What the task requires
Copy each line of the entries below that contains the string "number".

-- Extracted entries follows --

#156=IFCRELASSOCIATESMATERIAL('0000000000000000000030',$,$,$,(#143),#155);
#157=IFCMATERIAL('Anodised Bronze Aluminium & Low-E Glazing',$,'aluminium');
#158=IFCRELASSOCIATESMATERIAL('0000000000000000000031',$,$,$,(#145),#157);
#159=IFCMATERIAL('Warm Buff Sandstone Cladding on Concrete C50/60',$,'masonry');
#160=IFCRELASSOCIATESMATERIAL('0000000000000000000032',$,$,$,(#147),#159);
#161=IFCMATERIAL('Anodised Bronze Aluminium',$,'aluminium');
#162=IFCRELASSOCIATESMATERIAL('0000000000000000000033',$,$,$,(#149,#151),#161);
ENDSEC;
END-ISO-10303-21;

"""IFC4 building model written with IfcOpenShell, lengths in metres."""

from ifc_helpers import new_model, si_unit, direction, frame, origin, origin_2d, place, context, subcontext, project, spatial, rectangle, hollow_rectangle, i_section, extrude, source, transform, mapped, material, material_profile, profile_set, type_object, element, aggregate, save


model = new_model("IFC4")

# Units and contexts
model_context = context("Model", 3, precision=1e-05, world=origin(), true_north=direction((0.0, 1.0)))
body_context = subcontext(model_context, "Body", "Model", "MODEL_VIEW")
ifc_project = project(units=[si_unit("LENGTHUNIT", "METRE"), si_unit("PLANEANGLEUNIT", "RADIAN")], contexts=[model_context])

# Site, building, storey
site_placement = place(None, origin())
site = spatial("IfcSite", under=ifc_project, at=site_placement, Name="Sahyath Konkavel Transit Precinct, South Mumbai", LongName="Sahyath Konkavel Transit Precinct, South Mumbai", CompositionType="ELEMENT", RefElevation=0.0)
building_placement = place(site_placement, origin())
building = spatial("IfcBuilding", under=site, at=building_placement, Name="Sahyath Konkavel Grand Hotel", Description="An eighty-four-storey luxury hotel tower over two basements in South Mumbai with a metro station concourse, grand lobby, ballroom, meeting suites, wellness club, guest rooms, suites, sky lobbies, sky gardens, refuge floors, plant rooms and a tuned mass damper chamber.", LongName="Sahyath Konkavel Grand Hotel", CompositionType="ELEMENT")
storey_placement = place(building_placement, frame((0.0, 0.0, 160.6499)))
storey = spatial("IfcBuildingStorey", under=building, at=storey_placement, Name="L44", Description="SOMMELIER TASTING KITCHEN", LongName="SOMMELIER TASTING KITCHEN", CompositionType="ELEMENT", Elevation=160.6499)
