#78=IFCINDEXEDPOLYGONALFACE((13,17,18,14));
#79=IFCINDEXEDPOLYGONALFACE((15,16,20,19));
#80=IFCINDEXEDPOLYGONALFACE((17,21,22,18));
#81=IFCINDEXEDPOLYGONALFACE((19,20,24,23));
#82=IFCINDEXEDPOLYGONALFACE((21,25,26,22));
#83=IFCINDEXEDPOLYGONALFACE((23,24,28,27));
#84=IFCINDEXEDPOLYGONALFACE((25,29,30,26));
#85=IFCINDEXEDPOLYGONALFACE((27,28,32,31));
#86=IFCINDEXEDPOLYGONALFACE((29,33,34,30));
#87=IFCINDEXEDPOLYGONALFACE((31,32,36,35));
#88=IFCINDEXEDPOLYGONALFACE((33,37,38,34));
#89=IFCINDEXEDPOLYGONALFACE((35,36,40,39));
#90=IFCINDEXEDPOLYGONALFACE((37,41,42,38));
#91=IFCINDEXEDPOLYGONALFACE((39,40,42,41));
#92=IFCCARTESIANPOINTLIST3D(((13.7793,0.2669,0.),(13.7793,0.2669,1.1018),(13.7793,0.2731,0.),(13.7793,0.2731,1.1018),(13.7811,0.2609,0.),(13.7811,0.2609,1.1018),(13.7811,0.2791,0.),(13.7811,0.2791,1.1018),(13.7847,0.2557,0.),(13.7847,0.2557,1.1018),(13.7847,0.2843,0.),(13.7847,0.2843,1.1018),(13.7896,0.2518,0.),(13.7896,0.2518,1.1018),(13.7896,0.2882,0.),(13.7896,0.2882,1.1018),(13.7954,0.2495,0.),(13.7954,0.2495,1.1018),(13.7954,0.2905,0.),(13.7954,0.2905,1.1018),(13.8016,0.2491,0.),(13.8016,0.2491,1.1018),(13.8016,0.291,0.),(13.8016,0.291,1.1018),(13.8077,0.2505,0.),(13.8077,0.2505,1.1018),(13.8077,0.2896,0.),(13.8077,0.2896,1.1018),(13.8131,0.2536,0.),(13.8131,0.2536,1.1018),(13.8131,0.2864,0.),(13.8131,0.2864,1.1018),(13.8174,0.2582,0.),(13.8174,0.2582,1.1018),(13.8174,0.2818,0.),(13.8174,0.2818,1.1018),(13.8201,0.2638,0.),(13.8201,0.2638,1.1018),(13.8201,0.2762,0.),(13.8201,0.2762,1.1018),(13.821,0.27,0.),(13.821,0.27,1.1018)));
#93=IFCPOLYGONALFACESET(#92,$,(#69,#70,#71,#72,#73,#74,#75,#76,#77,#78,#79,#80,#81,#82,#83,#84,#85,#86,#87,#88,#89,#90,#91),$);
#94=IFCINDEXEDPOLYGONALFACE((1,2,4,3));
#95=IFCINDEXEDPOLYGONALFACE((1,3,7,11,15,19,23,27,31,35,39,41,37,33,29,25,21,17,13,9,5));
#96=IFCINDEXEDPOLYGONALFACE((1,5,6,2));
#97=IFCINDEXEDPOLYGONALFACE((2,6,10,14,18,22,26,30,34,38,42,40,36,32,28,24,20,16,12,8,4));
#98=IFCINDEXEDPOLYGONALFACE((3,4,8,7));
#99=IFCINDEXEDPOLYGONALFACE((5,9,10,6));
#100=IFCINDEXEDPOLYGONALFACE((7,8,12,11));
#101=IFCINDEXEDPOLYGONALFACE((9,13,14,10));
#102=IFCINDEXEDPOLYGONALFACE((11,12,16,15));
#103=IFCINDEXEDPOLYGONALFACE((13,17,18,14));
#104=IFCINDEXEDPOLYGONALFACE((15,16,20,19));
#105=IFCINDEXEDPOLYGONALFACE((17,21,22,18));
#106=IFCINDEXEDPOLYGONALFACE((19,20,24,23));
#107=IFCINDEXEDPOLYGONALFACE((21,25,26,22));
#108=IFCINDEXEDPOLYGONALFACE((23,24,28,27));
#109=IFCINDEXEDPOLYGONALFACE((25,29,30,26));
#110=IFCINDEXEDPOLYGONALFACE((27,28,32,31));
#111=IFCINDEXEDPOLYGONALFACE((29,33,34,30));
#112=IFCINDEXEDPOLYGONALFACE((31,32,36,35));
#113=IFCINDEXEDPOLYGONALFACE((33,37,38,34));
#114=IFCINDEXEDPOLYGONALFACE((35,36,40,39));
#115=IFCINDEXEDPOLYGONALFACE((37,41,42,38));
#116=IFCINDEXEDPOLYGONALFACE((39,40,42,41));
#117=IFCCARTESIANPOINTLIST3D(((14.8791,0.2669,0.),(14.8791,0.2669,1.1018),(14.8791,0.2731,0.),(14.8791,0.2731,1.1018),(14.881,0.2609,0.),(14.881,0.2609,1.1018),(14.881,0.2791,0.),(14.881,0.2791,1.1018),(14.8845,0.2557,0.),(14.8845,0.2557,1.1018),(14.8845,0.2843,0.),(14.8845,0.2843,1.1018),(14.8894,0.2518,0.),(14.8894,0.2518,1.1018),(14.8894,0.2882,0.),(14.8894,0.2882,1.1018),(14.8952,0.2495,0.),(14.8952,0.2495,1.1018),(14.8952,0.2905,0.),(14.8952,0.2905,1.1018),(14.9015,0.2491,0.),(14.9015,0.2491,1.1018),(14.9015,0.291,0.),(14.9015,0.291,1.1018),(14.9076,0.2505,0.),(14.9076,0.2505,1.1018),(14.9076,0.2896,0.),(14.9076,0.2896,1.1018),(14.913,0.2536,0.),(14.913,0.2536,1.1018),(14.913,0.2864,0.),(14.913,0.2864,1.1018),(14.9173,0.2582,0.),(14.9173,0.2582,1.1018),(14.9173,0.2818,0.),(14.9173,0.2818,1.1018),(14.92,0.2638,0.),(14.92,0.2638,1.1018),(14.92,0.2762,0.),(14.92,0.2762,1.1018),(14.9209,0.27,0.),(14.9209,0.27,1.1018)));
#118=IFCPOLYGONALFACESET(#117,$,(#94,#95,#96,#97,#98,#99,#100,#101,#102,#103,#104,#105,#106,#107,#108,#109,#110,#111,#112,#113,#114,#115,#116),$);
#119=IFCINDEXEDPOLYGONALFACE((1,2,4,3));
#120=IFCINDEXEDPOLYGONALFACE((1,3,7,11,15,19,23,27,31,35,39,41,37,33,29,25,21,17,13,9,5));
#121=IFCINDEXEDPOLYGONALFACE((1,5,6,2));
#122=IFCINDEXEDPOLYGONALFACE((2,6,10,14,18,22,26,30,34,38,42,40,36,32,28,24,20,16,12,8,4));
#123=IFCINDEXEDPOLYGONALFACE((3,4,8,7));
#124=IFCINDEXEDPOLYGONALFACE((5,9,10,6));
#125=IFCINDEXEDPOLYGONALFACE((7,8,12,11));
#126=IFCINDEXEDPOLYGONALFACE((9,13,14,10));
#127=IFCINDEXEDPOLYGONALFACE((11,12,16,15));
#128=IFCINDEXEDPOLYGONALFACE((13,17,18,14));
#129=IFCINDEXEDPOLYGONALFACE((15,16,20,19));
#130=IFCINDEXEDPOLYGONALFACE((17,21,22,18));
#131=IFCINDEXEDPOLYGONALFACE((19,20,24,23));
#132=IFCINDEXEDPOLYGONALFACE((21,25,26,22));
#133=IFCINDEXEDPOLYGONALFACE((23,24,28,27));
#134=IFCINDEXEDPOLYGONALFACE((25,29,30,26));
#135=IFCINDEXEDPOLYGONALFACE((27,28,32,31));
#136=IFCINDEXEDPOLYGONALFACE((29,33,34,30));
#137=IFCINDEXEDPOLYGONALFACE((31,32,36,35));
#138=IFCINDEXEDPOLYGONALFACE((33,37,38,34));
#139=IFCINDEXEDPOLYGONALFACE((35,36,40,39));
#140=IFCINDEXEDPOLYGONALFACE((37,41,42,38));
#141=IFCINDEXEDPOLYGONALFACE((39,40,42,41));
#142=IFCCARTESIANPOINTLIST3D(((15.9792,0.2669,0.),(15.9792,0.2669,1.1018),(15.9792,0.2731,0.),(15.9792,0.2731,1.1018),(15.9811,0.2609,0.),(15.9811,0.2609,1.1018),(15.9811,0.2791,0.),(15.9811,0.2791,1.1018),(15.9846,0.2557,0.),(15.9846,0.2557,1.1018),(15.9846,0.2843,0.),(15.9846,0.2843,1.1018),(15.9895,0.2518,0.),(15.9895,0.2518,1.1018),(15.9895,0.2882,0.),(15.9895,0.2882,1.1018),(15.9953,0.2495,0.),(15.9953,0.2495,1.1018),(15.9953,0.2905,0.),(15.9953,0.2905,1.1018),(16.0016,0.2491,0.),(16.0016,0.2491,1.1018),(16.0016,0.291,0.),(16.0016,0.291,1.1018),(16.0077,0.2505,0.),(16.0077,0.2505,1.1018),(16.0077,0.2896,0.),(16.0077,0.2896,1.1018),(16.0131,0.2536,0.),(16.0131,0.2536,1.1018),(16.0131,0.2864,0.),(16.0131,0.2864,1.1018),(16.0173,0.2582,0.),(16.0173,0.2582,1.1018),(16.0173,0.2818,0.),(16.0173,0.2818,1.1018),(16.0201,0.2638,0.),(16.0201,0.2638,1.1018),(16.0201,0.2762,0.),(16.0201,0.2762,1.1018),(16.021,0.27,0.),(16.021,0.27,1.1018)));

-- Extracted entries concluded --
-- Extracted entries follows --

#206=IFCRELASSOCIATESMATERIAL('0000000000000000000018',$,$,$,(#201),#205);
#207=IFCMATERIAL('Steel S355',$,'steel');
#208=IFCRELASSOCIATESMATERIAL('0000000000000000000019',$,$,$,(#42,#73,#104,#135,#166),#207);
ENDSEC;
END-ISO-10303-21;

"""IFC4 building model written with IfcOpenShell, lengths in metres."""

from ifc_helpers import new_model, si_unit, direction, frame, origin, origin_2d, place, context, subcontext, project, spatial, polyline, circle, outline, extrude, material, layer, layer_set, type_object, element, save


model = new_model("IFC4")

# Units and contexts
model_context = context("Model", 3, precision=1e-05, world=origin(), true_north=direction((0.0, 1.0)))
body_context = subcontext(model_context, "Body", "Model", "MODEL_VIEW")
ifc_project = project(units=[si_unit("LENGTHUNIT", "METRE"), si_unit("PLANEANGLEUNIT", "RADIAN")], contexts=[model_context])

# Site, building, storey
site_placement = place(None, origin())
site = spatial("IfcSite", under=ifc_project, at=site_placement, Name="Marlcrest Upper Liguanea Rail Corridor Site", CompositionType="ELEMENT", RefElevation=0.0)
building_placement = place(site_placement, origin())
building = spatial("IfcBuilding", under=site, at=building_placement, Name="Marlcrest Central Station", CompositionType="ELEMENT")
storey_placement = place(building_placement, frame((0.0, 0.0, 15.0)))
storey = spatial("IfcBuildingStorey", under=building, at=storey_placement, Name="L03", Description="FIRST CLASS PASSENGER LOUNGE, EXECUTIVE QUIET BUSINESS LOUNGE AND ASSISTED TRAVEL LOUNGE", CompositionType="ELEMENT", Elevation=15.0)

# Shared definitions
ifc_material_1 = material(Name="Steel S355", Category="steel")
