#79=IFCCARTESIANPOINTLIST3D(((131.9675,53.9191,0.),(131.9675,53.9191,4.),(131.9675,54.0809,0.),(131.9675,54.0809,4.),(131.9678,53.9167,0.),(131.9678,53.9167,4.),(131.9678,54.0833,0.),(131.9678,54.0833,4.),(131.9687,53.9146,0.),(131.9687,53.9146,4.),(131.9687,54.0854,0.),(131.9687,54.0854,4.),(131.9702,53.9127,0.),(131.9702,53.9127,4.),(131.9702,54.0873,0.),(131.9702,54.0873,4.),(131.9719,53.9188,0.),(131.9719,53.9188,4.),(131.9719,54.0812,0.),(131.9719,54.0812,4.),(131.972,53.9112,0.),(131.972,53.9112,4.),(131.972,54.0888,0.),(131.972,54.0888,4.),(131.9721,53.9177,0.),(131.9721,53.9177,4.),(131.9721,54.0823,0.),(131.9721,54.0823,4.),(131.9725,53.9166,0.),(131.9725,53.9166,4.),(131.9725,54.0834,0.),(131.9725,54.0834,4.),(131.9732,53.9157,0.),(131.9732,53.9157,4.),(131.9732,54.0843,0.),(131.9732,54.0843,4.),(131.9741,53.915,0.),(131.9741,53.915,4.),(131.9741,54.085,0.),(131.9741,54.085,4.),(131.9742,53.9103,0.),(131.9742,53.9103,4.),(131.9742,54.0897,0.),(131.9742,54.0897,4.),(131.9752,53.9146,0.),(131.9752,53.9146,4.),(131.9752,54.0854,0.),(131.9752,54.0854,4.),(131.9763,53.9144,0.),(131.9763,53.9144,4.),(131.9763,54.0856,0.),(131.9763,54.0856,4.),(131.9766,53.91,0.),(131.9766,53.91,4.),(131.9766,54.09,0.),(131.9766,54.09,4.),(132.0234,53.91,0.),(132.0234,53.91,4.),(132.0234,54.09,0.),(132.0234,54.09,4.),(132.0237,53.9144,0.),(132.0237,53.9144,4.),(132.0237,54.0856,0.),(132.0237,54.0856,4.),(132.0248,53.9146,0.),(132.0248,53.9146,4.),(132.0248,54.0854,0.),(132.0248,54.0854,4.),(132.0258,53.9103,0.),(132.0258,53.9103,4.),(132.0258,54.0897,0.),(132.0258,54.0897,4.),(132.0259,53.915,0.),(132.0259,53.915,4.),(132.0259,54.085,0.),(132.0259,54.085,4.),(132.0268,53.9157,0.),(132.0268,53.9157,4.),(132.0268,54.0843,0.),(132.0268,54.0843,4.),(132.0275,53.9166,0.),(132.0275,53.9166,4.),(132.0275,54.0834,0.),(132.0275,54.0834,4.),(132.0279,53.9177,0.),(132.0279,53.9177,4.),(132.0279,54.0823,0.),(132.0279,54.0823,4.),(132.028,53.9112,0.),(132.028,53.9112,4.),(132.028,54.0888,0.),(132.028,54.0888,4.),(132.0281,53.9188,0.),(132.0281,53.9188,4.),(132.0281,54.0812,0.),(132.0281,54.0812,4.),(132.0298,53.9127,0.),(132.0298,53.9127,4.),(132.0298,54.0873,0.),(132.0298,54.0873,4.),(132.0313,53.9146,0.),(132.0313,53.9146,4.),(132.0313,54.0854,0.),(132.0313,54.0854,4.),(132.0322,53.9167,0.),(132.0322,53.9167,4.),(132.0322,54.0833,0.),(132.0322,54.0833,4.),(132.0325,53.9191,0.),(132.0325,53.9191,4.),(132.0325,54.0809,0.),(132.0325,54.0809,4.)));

-- Extracted entries concluded --
-- Extracted entries follows --

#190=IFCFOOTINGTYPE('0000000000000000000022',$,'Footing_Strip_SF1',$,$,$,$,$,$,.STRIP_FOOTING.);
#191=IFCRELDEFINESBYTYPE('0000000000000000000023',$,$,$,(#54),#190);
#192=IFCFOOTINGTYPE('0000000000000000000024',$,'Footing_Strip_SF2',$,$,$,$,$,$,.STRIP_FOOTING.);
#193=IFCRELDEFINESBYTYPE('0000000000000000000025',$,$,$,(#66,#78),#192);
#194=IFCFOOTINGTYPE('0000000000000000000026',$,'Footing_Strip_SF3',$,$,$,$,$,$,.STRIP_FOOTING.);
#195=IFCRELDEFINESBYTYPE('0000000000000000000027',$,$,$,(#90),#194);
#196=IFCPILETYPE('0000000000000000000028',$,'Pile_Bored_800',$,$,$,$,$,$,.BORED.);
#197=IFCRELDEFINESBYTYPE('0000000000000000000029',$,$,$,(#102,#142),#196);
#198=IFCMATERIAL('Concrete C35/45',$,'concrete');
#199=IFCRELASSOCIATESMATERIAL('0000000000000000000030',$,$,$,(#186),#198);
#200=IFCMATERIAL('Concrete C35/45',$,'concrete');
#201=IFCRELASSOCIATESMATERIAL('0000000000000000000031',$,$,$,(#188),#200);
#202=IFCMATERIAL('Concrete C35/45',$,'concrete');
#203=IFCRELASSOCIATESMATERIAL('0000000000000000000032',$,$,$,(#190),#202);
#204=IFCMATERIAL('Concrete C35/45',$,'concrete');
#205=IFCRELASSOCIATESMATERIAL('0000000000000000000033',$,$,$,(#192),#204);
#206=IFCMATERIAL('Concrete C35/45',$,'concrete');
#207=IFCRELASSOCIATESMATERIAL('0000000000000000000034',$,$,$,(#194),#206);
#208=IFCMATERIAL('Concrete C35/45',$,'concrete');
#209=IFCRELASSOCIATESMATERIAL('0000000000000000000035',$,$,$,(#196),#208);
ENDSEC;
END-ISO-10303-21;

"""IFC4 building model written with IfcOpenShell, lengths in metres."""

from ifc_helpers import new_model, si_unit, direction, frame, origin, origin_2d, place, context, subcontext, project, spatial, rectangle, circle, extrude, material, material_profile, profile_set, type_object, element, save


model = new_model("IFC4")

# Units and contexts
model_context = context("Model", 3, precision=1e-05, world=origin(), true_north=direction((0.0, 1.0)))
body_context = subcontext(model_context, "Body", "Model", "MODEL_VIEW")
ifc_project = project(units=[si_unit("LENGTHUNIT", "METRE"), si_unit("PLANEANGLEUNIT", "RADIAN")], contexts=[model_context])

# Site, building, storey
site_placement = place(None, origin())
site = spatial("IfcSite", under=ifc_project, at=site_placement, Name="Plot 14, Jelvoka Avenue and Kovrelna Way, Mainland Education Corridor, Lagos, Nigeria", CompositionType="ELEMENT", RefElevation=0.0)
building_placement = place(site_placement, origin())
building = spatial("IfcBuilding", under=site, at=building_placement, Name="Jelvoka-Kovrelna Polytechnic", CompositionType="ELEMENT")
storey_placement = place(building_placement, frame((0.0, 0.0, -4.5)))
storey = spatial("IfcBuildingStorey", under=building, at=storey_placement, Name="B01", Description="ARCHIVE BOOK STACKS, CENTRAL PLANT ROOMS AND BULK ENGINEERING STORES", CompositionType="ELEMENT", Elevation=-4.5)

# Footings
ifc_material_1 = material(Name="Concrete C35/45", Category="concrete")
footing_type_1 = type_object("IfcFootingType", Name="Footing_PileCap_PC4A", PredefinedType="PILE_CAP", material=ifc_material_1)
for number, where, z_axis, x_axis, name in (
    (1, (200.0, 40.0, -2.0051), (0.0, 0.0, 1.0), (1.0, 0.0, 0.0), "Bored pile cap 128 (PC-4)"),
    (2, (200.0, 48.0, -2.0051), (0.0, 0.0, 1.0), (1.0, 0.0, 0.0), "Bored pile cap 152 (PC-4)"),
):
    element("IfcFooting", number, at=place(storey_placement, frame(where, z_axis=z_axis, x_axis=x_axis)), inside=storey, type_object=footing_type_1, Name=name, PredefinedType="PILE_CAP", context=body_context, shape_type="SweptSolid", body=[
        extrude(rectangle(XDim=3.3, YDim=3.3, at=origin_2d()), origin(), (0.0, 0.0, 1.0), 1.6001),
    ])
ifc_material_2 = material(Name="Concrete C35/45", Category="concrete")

-- Extracted entries concluded --

Reply
for number, where, z_axis, x_axis, name in (
    element("IfcFooting", number, at=place(storey_placement, frame(where, z_axis=z_axis, x_axis=x_axis)), inside=storey, type_object=footing_type_1, Name=name, PredefinedType="PILE_CAP", context=body_context, shape_type="SweptSolid", body=[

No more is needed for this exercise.